_TASK_
Among the entries below, take the line with "#170=IFCINDEXEDPOLYGONALFACE((3,4,8,7));" and the line with "#187=IFCRELAGGREGATES('0000000000000000000018',$,$,$,#16,(#11));", and output them and every line between them exactly, with nothing else.

_RECORD EXCERPTS_
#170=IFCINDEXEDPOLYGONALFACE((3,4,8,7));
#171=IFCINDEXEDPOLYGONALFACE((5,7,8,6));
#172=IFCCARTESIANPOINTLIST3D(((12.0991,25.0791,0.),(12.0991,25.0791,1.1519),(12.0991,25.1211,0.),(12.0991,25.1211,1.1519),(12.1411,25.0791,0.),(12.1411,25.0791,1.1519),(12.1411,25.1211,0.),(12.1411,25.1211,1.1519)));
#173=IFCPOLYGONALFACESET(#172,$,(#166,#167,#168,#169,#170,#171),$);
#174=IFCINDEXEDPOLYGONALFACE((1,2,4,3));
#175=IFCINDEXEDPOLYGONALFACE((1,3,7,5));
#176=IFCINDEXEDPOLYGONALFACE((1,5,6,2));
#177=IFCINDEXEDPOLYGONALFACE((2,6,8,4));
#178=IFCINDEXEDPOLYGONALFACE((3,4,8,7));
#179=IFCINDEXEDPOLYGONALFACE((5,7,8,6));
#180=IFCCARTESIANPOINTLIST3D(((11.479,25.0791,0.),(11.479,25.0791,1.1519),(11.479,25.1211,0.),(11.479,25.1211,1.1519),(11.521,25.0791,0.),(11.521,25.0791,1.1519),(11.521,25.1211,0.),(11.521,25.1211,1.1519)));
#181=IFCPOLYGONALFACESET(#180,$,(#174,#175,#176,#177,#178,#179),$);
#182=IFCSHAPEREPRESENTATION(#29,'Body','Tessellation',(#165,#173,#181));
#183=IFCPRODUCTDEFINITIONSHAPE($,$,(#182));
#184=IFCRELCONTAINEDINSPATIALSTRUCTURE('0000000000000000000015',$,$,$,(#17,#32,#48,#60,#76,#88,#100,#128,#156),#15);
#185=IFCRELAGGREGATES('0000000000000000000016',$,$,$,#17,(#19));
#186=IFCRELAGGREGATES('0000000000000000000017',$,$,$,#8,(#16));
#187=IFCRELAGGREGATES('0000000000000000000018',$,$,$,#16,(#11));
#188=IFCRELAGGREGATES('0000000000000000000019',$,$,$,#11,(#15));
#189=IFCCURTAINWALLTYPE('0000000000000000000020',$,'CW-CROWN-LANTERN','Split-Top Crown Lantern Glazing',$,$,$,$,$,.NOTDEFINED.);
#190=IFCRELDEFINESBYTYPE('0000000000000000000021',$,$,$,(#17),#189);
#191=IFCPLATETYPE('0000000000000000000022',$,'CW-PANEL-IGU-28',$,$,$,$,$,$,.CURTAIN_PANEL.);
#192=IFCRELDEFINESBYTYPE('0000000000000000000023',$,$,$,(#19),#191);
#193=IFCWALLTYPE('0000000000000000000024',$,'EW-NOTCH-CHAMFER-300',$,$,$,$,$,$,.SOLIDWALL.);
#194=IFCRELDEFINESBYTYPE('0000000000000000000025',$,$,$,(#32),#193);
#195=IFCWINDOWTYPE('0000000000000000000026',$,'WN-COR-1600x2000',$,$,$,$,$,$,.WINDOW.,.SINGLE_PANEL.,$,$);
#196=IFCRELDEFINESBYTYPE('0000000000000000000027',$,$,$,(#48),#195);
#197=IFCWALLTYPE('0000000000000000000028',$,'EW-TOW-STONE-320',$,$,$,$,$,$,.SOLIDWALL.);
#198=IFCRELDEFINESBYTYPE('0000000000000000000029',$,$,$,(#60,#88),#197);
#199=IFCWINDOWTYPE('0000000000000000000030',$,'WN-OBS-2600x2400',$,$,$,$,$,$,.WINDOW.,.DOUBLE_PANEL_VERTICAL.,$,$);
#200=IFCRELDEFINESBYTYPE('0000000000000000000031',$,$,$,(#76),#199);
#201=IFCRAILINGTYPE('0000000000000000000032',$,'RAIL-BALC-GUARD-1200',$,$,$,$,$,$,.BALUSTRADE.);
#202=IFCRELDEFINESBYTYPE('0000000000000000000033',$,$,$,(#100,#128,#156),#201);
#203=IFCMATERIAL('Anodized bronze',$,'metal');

--

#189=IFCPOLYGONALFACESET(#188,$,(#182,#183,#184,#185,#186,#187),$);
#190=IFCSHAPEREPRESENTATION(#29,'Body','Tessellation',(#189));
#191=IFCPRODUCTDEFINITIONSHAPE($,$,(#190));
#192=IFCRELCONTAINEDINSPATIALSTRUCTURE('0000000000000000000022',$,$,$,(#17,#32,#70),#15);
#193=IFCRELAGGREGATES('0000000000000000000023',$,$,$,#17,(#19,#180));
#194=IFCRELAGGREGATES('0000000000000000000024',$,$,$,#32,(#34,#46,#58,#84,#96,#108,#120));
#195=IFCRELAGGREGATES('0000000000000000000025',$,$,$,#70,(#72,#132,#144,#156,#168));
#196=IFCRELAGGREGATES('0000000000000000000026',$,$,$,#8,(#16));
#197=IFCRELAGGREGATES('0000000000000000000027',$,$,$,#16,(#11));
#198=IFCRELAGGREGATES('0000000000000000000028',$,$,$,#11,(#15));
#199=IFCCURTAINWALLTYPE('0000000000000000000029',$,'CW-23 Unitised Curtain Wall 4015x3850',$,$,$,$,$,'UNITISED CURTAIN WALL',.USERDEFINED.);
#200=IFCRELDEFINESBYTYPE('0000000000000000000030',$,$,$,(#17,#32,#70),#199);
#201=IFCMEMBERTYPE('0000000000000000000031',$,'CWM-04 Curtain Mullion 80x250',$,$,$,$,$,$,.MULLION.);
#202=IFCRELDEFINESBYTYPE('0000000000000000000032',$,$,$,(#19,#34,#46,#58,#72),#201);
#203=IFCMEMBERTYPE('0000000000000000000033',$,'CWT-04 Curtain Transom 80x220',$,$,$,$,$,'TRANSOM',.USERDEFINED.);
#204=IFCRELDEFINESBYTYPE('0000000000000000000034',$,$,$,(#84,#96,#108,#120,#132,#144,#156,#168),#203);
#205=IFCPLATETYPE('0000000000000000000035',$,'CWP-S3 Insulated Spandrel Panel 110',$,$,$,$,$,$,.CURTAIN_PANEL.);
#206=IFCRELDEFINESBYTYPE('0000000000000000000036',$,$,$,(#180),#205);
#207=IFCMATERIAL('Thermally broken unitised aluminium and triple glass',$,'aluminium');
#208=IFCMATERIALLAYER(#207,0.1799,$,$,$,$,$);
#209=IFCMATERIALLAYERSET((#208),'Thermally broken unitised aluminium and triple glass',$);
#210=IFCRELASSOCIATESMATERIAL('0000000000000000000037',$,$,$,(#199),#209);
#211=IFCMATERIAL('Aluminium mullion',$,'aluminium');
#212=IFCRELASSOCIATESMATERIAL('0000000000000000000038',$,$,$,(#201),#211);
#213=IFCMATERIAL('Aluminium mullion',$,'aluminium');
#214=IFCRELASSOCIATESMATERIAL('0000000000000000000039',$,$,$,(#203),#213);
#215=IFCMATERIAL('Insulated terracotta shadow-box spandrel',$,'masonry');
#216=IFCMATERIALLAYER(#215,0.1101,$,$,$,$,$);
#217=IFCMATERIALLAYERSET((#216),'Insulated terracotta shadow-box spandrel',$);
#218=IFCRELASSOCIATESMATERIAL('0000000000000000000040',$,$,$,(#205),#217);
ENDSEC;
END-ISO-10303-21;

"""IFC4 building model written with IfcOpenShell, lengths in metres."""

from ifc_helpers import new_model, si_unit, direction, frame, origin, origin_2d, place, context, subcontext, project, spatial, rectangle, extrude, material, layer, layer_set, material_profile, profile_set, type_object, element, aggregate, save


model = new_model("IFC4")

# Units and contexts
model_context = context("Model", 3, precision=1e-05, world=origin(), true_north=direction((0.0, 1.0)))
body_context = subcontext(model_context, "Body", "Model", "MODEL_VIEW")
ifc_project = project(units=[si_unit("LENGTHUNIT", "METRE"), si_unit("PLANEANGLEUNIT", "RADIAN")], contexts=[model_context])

* * *

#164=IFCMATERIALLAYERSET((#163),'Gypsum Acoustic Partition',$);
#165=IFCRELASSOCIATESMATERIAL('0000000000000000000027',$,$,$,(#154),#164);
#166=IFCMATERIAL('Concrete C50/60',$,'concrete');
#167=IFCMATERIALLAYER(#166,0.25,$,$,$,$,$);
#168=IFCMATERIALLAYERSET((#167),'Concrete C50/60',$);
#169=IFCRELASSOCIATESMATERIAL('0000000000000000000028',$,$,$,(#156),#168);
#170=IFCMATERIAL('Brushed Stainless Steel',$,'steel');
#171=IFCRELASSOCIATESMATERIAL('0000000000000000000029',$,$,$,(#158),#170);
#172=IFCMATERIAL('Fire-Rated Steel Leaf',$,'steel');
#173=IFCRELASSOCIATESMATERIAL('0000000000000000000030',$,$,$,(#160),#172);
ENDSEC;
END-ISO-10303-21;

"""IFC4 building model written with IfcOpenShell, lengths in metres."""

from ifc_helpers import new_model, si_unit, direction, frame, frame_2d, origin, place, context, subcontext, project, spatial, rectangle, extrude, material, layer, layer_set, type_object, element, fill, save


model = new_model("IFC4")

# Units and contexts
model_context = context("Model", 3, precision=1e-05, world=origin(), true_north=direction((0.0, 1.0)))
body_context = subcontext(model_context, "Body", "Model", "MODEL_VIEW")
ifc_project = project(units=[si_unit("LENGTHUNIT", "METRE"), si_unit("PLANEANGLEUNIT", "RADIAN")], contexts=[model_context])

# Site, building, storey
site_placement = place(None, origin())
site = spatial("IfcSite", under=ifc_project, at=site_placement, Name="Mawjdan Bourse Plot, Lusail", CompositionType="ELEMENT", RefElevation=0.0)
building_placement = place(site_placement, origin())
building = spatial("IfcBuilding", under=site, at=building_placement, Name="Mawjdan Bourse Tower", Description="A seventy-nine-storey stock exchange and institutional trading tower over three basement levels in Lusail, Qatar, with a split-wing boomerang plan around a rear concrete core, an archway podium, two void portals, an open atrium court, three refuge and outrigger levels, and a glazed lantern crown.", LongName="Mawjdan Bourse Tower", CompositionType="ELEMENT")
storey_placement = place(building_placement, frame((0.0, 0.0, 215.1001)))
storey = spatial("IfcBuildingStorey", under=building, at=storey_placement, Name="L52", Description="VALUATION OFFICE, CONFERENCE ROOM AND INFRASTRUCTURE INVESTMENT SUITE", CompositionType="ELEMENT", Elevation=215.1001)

_TASK ANSWER_
#170=IFCINDEXEDPOLYGONALFACE((3,4,8,7));
#171=IFCINDEXEDPOLYGONALFACE((5,7,8,6));
#172=IFCCARTESIANPOINTLIST3D(((12.0991,25.0791,0.),(12.0991,25.0791,1.1519),(12.0991,25.1211,0.),(12.0991,25.1211,1.1519),(12.1411,25.0791,0.),(12.1411,25.0791,1.1519),(12.1411,25.1211,0.),(12.1411,25.1211,1.1519)));
#173=IFCPOLYGONALFACESET(#172,$,(#166,#167,#168,#169,#170,#171),$);
#174=IFCINDEXEDPOLYGONALFACE((1,2,4,3));
#175=IFCINDEXEDPOLYGONALFACE((1,3,7,5));
#176=IFCINDEXEDPOLYGONALFACE((1,5,6,2));
#177=IFCINDEXEDPOLYGONALFACE((2,6,8,4));
#178=IFCINDEXEDPOLYGONALFACE((3,4,8,7));
#179=IFCINDEXEDPOLYGONALFACE((5,7,8,6));
#180=IFCCARTESIANPOINTLIST3D(((11.479,25.0791,0.),(11.479,25.0791,1.1519),(11.479,25.1211,0.),(11.479,25.1211,1.1519),(11.521,25.0791,0.),(11.521,25.0791,1.1519),(11.521,25.1211,0.),(11.521,25.1211,1.1519)));
#181=IFCPOLYGONALFACESET(#180,$,(#174,#175,#176,#177,#178,#179),$);
#182=IFCSHAPEREPRESENTATION(#29,'Body','Tessellation',(#165,#173,#181));
#183=IFCPRODUCTDEFINITIONSHAPE($,$,(#182));
#184=IFCRELCONTAINEDINSPATIALSTRUCTURE('0000000000000000000015',$,$,$,(#17,#32,#48,#60,#76,#88,#100,#128,#156),#15);
#185=IFCRELAGGREGATES('0000000000000000000016',$,$,$,#17,(#19));
#186=IFCRELAGGREGATES('0000000000000000000017',$,$,$,#8,(#16));
#187=IFCRELAGGREGATES('0000000000000000000018',$,$,$,#16,(#11));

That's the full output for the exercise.